(Stored data)
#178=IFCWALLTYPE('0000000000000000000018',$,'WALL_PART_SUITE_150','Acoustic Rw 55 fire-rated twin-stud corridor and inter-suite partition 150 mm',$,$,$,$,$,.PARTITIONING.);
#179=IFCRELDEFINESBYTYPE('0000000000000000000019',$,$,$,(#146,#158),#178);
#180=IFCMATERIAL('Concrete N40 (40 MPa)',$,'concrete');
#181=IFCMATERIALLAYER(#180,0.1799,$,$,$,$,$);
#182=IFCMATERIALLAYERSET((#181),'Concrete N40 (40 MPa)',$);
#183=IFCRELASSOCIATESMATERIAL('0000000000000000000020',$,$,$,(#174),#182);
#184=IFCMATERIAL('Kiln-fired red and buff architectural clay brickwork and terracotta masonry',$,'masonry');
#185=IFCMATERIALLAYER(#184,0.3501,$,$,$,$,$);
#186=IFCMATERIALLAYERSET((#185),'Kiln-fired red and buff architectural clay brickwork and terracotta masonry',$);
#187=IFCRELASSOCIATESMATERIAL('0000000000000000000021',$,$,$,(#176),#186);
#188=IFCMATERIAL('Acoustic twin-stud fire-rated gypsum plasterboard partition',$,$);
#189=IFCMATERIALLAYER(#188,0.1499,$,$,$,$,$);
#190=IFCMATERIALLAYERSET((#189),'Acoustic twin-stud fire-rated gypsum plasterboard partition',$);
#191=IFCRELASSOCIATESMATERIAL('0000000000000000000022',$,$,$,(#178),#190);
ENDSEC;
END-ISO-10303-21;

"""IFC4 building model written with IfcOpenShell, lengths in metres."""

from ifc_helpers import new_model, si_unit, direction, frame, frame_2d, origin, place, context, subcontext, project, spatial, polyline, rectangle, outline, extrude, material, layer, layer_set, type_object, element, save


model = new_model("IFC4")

• **TASK BRIEF**: In the entries above, the lines between the one holding "#182=IFCMATERIALLAYERSET((#181),'Concrete N40 (40" and the one holding "from ifc_helpers import", inclusive, are to be printed exactly as written, and those alone.

• **ANSWER SPACE**:
#182=IFCMATERIALLAYERSET((#181),'Concrete N40 (40 MPa)',$);
#183=IFCRELASSOCIATESMATERIAL('0000000000000000000020',$,$,$,(#174),#182);
#184=IFCMATERIAL('Kiln-fired red and buff architectural clay brickwork and terracotta masonry',$,'masonry');
#185=IFCMATERIALLAYER(#184,0.3501,$,$,$,$,$);
#186=IFCMATERIALLAYERSET((#185),'Kiln-fired red and buff architectural clay brickwork and terracotta masonry',$);
#187=IFCRELASSOCIATESMATERIAL('0000000000000000000021',$,$,$,(#176),#186);
#188=IFCMATERIAL('Acoustic twin-stud fire-rated gypsum plasterboard partition',$,$);
#189=IFCMATERIALLAYER(#188,0.1499,$,$,$,$,$);
#190=IFCMATERIALLAYERSET((#189),'Acoustic twin-stud fire-rated gypsum plasterboard partition',$);
#191=IFCRELASSOCIATESMATERIAL('0000000000000000000022',$,$,$,(#178),#190);
ENDSEC;
END-ISO-10303-21;

"""IFC4 building model written with IfcOpenShell, lengths in metres."""

from ifc_helpers import new_model, si_unit, direction, frame, frame_2d, origin, place, context, subcontext, project, spatial, polyline, rectangle, outline, extrude, material, layer, layer_set, type_object, element, save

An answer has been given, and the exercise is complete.